↓↓↓
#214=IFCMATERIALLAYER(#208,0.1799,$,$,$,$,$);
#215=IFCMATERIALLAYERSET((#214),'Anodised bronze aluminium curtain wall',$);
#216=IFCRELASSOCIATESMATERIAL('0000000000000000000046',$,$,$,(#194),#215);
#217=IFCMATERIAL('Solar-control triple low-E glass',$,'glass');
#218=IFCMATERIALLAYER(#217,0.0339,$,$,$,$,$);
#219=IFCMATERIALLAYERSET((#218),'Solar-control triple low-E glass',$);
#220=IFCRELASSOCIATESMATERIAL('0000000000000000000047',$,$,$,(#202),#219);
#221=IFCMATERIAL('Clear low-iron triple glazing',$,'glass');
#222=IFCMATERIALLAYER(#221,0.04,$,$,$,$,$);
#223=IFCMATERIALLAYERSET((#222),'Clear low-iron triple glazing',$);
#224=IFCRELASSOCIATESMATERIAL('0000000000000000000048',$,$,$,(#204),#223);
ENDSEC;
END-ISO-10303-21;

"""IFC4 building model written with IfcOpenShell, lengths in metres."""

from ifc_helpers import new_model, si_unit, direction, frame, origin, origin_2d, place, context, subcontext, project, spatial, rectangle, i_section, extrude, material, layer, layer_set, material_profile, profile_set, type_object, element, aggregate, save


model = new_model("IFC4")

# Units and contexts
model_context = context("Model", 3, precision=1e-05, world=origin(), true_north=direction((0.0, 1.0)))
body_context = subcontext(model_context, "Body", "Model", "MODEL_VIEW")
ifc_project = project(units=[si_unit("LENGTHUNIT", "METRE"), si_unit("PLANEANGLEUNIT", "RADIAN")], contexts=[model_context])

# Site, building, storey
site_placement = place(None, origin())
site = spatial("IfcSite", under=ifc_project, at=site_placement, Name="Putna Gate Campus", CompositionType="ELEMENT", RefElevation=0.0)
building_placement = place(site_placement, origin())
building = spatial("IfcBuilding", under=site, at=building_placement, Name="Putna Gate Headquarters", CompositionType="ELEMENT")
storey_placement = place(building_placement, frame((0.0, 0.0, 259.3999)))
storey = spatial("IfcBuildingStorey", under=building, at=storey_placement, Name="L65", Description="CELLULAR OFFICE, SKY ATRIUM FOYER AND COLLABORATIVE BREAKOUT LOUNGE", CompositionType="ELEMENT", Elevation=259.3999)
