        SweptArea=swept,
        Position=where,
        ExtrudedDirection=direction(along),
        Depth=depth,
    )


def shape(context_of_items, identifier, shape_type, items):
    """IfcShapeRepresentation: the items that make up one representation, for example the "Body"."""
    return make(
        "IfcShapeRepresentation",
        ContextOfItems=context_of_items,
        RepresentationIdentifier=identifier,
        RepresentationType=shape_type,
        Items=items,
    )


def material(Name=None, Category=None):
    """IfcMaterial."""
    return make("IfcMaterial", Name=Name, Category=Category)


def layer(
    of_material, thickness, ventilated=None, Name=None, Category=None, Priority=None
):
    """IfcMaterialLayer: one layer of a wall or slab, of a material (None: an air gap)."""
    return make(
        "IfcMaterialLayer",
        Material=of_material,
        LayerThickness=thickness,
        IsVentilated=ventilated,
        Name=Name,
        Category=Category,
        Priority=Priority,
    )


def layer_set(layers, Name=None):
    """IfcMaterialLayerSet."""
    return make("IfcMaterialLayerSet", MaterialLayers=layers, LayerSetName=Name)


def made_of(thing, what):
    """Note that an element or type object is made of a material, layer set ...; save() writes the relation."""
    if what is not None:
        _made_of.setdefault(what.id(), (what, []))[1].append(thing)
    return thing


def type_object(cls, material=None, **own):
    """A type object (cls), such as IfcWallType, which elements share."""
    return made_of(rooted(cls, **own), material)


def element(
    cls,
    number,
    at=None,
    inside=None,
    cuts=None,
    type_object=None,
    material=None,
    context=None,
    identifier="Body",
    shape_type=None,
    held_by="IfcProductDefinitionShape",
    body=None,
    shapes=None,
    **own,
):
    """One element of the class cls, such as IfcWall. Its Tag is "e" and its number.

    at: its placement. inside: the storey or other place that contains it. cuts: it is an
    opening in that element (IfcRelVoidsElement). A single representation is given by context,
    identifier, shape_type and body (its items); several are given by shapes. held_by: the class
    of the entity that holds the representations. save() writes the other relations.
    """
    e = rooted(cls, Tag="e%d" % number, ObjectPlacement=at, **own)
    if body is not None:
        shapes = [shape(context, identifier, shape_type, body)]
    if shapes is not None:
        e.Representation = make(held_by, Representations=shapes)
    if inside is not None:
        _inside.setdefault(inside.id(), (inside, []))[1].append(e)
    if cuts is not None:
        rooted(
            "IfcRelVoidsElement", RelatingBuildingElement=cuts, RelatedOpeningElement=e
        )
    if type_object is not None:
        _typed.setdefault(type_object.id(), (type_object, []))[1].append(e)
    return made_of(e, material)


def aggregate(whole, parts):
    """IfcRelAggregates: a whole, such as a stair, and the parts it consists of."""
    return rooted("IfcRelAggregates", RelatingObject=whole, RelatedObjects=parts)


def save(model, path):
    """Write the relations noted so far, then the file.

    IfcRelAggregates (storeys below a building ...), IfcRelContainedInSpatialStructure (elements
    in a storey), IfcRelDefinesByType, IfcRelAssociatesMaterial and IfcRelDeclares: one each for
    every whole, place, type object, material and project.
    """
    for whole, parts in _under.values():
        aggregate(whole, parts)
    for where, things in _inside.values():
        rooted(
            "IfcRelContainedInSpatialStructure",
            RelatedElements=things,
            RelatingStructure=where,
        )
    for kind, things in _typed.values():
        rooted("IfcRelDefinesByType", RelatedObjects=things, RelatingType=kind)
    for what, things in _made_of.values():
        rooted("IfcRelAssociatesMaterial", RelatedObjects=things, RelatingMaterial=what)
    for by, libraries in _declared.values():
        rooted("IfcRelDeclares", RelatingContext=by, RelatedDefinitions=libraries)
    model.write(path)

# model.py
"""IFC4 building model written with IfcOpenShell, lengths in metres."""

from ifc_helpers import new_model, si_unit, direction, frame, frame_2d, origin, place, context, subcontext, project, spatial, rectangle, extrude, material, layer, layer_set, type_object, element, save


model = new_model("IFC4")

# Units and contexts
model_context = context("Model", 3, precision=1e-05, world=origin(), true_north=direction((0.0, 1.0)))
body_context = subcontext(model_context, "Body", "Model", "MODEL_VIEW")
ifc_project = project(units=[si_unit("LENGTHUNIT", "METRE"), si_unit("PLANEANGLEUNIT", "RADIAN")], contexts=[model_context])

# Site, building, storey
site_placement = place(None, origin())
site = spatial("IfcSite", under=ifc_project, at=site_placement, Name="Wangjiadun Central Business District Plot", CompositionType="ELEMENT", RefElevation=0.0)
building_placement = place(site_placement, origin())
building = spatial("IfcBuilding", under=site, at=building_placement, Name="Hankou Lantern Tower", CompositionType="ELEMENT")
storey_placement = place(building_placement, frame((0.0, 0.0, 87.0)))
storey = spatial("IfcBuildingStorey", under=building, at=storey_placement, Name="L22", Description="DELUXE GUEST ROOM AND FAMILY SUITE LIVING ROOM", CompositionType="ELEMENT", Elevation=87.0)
↑↑↑
→ ASSIGNED TASK: Look through the entries and find each line that has the string "identifier". Copy those lines.

→ EXERCISE RESPONSE:
def shape(context_of_items, identifier, shape_type, items):
        RepresentationIdentifier=identifier,
    identifier="Body",
    identifier, shape_type and body (its items); several are given by shapes. held_by: the class
        shapes = [shape(context, identifier, shape_type, body)]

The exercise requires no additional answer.